Collected data:
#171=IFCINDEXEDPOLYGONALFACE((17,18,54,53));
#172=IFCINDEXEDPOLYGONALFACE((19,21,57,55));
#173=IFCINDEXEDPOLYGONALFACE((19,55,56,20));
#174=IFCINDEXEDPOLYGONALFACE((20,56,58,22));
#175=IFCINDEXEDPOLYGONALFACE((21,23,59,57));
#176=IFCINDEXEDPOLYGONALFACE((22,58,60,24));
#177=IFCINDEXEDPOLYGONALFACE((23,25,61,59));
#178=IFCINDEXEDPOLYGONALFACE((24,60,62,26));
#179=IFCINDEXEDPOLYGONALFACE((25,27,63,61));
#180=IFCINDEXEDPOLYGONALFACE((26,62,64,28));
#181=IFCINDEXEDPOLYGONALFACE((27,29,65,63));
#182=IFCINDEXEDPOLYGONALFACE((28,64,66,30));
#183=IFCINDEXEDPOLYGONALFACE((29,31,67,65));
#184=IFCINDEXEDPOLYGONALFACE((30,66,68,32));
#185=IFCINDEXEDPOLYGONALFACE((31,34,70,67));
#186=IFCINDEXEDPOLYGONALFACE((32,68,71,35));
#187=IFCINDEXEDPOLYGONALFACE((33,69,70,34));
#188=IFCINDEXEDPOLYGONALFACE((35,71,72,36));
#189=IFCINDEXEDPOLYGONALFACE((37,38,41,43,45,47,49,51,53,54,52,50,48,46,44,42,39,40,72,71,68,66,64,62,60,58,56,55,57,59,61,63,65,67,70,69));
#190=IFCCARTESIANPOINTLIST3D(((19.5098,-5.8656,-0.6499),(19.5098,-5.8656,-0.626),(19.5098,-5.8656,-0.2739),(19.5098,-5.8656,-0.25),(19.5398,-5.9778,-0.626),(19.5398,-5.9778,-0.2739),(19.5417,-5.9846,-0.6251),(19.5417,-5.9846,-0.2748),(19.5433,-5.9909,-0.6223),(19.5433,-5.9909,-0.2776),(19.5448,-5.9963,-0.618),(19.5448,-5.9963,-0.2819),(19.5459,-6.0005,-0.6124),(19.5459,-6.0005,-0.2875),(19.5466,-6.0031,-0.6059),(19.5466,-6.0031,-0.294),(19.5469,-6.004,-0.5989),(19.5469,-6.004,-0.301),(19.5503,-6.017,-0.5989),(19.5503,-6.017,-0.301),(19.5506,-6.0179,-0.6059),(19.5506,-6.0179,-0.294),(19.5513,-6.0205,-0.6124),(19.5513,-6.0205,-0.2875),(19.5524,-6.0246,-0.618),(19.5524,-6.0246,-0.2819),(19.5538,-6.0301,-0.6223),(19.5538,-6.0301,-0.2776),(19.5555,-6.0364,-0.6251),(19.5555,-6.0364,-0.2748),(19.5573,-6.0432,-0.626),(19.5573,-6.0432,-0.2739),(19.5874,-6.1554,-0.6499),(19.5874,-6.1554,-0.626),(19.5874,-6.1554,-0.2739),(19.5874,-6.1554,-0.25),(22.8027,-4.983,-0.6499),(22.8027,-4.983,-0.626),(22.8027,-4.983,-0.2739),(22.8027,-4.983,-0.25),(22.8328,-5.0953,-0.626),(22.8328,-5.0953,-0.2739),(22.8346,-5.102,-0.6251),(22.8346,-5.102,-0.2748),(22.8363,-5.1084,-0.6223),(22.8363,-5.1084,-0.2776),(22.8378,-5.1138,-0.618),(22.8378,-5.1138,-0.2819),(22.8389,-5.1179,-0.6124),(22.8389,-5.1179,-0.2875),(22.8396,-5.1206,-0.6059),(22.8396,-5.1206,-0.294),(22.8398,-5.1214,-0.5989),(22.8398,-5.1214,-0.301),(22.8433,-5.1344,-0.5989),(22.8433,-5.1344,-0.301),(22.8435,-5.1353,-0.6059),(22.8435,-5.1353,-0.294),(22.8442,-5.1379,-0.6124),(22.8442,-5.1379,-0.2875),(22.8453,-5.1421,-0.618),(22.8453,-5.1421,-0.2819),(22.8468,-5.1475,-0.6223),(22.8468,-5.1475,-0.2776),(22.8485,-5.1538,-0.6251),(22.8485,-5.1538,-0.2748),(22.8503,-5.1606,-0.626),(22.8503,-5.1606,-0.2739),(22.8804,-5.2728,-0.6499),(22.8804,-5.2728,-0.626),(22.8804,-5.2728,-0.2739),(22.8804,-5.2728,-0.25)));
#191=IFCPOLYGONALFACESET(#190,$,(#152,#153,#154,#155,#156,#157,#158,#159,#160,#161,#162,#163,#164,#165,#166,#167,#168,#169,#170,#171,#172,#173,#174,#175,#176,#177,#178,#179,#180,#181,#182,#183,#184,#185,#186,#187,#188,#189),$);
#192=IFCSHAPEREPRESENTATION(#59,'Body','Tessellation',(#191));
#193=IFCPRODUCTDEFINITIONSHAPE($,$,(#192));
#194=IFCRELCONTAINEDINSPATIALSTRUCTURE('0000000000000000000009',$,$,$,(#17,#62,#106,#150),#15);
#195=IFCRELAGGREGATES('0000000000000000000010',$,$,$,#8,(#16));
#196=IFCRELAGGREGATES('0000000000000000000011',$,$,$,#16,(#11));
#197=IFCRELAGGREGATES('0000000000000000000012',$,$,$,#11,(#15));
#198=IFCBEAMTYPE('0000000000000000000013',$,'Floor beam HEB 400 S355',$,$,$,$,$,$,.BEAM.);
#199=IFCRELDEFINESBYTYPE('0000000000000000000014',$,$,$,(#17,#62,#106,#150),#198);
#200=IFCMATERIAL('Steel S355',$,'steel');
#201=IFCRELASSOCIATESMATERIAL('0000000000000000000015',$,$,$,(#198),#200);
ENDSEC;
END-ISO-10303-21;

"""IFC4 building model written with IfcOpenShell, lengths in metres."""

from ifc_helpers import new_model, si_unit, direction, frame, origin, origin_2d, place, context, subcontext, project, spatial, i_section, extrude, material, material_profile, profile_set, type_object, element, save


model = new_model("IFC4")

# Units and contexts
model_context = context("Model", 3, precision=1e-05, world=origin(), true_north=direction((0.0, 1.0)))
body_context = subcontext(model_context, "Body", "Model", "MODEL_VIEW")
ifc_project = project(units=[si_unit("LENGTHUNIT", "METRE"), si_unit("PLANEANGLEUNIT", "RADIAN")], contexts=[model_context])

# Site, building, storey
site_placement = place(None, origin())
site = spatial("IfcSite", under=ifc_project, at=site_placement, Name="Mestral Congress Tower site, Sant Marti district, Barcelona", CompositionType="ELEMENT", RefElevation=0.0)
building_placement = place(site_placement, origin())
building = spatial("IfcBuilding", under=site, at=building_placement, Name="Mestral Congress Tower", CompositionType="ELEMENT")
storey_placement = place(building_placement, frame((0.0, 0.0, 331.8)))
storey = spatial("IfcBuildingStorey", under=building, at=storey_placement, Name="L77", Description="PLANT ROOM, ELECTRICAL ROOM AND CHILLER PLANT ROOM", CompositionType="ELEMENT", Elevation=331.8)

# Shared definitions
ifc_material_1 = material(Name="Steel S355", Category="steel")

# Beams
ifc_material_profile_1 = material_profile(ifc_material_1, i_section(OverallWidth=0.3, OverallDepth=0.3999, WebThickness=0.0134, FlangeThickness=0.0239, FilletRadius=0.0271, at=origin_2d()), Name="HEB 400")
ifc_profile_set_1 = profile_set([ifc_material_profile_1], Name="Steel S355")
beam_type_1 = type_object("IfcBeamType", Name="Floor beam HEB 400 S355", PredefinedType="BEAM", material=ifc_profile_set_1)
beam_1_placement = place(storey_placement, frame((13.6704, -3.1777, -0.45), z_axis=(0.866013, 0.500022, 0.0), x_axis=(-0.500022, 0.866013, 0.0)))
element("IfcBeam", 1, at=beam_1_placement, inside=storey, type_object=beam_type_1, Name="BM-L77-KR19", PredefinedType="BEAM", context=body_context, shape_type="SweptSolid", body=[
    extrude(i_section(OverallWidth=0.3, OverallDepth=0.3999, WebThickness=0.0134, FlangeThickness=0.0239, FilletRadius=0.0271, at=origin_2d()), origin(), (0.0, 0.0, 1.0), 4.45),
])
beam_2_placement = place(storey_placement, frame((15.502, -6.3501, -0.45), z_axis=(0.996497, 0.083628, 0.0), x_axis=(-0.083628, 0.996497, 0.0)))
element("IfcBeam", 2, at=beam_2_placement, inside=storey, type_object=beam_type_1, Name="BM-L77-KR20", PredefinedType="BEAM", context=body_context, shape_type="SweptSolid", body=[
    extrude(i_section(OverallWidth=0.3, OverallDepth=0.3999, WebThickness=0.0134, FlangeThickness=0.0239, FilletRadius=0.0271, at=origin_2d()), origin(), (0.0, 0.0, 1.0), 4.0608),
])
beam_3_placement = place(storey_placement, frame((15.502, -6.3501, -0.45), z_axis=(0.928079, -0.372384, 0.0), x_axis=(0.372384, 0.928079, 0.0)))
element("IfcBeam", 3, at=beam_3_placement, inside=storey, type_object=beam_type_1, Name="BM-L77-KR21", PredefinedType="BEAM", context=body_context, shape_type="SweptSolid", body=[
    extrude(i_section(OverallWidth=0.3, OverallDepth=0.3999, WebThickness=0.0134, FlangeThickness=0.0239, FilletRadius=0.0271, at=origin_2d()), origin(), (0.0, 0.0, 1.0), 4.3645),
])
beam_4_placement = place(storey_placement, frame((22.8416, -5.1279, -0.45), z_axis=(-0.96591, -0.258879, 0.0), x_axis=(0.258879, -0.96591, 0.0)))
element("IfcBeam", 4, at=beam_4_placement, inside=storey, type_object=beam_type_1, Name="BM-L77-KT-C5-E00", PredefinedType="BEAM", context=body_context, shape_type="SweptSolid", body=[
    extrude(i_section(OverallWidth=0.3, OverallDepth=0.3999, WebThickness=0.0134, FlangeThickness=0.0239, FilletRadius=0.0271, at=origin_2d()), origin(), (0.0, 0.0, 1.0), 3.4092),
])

What this task involves: For this task, write out exactly the lines of the entries above, starting at the line with "#175=IFCINDEXEDPOLYGONALFACE((21,23,59,57));" and ending at the line with "#182=IFCINDEXEDPOLYGONALFACE((28,64,66,30));", both included, and no others.

Response to this task:
#175=IFCINDEXEDPOLYGONALFACE((21,23,59,57));
#176=IFCINDEXEDPOLYGONALFACE((22,58,60,24));
#177=IFCINDEXEDPOLYGONALFACE((23,25,61,59));
#178=IFCINDEXEDPOLYGONALFACE((24,60,62,26));
#179=IFCINDEXEDPOLYGONALFACE((25,27,63,61));
#180=IFCINDEXEDPOLYGONALFACE((26,62,64,28));
#181=IFCINDEXEDPOLYGONALFACE((27,29,65,63));
#182=IFCINDEXEDPOLYGONALFACE((28,64,66,30));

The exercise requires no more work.